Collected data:
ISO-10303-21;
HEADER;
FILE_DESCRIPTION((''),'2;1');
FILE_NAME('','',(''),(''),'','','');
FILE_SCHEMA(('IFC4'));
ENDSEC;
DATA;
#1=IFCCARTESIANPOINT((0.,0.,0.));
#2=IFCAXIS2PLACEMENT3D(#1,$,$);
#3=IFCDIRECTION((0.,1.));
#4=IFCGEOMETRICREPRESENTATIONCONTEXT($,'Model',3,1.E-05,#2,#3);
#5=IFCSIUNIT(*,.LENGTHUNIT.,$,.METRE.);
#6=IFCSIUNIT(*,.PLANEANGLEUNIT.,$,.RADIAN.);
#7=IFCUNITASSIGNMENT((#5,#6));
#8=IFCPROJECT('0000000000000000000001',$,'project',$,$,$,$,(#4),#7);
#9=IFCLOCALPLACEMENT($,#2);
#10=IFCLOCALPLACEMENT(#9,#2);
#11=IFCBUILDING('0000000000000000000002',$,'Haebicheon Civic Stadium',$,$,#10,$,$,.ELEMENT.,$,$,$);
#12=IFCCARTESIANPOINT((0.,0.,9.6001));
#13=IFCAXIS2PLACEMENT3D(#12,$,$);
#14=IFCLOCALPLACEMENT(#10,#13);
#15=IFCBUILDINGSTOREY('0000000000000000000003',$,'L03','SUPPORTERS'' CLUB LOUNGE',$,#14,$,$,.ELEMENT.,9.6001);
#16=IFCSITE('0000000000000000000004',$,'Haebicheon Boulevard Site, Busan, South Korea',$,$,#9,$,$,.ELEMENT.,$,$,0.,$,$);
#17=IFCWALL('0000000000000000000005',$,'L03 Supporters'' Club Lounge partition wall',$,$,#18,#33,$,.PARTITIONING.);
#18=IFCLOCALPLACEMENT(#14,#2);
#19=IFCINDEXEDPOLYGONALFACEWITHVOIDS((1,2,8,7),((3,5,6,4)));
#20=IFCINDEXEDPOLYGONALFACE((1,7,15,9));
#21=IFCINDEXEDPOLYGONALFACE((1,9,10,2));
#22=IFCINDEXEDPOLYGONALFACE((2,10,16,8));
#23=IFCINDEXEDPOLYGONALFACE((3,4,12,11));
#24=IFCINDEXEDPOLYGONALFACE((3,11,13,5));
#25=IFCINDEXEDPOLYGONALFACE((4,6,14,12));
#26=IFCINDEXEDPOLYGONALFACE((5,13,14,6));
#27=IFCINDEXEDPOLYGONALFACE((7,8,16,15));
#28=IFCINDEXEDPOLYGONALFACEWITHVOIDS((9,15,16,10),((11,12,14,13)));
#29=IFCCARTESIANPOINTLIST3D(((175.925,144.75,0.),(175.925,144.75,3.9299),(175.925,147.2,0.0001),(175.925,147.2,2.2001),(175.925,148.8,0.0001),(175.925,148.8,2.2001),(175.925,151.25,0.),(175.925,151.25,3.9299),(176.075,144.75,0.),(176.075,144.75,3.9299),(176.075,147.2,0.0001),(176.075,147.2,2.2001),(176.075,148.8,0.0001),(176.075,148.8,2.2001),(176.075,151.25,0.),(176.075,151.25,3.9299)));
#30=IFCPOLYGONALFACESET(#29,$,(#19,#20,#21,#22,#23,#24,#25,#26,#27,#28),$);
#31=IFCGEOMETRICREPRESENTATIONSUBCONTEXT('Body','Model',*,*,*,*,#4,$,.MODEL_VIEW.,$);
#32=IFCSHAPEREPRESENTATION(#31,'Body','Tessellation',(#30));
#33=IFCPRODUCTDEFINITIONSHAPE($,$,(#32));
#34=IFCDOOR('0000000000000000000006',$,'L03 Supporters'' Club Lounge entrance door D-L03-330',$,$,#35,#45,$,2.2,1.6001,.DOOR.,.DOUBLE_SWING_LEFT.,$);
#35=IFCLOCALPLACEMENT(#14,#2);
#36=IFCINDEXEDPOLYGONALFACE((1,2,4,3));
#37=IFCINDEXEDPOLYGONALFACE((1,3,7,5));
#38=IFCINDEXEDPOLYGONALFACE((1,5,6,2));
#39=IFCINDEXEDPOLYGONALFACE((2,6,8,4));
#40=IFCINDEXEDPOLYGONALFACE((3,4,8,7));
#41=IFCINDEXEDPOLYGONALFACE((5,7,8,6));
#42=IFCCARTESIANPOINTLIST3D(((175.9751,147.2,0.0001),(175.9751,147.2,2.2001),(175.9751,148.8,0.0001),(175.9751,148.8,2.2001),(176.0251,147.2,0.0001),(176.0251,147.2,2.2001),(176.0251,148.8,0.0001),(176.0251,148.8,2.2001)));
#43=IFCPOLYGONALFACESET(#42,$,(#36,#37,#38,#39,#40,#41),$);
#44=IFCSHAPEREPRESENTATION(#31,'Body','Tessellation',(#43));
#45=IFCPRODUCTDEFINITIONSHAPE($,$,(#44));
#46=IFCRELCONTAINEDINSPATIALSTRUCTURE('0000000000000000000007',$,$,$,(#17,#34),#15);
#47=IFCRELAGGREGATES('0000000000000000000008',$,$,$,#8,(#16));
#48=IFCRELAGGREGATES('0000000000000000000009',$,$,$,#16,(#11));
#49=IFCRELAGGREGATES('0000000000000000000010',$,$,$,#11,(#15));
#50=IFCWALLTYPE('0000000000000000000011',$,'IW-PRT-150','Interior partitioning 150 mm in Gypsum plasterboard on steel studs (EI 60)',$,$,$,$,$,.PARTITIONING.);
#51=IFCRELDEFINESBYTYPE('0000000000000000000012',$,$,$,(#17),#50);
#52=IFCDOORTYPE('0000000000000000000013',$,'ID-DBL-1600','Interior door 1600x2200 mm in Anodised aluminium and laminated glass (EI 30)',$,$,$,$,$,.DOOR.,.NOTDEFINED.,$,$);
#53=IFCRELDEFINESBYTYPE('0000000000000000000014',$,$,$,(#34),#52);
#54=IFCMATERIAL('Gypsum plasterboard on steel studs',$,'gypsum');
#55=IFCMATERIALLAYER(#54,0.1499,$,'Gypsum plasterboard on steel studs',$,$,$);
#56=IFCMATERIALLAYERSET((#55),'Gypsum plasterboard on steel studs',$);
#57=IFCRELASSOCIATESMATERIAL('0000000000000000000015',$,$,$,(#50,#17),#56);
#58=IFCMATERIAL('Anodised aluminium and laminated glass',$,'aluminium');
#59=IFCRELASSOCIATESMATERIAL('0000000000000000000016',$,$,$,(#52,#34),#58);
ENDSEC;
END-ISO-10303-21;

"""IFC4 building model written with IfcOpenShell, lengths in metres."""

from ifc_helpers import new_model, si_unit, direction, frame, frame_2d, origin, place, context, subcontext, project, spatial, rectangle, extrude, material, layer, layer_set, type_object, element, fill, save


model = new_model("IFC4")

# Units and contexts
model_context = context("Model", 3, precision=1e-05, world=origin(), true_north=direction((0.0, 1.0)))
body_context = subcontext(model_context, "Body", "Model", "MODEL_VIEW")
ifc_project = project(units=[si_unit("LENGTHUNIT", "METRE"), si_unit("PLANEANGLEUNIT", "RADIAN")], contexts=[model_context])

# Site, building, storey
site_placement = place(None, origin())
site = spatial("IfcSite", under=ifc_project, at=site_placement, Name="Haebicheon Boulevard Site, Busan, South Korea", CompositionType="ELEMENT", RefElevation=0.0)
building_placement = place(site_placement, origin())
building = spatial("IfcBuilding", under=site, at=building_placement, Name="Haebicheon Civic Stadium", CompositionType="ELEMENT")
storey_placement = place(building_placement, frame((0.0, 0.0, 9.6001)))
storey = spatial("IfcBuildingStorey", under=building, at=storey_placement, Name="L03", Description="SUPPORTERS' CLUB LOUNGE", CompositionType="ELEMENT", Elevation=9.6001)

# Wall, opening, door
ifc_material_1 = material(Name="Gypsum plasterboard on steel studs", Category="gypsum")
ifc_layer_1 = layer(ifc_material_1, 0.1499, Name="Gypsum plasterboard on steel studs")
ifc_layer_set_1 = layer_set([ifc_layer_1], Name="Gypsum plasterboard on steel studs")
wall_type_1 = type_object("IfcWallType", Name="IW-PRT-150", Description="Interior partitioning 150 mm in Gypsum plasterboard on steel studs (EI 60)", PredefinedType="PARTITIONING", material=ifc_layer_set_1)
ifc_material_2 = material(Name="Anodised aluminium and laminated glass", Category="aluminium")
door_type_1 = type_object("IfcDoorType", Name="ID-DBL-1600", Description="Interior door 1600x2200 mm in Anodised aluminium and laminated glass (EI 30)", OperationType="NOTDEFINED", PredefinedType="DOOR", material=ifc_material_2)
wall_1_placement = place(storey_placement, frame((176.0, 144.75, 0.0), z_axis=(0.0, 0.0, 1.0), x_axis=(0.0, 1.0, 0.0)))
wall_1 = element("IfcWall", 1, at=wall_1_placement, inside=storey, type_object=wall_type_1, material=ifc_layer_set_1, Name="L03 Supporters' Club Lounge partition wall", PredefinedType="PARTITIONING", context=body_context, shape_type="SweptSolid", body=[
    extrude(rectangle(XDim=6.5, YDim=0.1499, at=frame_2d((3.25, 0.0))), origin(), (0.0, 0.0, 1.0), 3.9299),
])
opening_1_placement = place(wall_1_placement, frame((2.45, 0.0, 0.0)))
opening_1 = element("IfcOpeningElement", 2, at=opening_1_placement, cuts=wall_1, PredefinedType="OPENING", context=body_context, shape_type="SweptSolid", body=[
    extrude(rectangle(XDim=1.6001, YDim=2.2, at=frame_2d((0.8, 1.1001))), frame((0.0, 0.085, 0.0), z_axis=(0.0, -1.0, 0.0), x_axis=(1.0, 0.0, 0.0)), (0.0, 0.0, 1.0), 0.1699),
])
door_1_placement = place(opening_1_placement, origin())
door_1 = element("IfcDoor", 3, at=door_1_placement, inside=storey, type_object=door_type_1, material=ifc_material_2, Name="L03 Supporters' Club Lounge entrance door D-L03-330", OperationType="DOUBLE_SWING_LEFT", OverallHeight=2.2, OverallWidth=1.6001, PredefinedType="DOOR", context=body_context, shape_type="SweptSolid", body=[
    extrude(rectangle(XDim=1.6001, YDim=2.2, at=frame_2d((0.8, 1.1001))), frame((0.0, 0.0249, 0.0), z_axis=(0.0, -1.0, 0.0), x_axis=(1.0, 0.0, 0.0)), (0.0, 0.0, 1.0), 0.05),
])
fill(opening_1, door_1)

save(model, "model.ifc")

---

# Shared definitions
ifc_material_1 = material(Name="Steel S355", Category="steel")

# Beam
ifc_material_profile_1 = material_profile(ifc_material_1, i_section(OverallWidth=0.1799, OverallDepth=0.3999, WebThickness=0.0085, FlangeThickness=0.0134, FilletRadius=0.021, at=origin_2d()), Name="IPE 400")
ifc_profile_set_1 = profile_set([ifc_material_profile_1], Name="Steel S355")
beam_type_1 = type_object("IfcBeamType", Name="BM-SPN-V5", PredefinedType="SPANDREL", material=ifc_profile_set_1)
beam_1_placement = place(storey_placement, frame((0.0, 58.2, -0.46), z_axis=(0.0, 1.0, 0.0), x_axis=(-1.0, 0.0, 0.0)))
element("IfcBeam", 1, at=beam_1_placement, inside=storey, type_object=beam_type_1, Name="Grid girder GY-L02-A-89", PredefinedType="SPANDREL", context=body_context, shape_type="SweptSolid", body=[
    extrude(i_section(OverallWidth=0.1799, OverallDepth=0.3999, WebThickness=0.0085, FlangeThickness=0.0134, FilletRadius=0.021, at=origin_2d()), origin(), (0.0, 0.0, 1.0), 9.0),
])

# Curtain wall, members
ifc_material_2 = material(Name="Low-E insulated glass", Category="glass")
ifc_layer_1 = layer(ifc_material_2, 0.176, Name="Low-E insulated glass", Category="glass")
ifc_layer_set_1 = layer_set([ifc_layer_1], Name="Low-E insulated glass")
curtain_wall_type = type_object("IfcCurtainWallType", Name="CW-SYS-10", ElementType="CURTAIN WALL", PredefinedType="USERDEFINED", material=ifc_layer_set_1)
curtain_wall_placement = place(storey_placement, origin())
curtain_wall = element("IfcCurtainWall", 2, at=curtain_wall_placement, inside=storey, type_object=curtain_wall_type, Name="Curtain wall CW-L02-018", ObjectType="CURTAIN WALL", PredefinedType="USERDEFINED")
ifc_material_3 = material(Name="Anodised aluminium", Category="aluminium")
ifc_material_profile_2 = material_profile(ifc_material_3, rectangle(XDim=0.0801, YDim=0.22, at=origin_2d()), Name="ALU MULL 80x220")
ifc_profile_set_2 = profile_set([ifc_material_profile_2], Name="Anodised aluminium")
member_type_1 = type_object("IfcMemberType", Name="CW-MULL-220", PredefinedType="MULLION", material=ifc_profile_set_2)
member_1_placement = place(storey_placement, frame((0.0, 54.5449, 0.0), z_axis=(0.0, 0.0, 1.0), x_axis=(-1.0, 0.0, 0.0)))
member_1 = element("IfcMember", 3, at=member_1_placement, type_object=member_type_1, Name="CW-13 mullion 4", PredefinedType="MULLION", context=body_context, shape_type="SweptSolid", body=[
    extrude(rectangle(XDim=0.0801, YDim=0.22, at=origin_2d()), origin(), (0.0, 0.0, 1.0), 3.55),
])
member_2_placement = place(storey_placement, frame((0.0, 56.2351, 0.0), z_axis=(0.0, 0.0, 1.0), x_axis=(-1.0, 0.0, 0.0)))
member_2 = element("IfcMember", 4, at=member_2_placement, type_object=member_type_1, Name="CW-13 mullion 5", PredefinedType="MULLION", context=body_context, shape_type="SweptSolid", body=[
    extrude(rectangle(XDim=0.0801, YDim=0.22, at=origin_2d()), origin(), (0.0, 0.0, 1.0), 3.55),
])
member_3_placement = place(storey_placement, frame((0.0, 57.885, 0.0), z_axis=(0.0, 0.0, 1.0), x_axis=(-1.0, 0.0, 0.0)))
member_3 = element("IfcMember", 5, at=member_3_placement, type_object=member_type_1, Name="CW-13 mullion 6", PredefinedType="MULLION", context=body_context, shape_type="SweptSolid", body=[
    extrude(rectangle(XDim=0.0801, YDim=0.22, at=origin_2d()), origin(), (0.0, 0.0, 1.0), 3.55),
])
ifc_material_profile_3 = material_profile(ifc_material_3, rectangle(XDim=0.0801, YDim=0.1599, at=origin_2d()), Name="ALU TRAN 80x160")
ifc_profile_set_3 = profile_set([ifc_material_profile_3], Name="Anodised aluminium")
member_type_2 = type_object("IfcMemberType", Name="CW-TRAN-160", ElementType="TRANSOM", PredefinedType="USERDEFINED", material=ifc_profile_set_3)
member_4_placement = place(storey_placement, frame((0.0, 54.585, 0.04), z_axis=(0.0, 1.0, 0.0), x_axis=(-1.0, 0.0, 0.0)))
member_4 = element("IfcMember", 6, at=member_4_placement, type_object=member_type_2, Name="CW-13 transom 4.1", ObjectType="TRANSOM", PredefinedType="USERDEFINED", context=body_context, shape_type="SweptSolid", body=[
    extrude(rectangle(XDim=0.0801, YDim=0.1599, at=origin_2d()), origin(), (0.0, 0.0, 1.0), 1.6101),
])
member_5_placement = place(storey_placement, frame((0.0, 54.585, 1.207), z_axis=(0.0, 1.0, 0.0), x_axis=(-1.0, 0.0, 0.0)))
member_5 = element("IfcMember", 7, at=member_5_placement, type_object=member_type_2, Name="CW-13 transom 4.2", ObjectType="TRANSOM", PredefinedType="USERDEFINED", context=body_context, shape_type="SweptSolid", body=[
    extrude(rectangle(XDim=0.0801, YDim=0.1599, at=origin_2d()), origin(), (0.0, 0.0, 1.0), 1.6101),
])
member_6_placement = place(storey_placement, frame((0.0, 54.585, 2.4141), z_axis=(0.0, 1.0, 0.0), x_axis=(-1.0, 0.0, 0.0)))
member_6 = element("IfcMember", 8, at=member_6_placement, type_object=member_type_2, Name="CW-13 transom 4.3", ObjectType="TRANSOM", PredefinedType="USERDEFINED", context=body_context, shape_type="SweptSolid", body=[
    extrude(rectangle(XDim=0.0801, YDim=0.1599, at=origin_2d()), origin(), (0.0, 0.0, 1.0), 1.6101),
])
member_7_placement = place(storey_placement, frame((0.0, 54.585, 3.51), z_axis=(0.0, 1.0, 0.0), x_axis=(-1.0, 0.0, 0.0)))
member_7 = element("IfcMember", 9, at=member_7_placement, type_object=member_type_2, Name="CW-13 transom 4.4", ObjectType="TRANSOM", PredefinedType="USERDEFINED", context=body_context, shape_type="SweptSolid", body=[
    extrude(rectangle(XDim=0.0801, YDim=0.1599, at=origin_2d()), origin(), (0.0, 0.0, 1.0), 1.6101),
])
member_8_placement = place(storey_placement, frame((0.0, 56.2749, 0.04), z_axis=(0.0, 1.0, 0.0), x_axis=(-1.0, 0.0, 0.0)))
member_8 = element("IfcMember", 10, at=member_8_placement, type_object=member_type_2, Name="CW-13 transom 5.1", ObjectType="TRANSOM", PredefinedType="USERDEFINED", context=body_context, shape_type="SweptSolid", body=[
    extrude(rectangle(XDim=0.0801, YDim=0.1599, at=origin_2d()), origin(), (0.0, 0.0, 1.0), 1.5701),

_DIRECTIONS FOR THIS TASK:_
How many of the lines above contain the string "IFCRELDEFINESBYTYPE"? Give the number only.

_THE COMPLETED TASK:_
2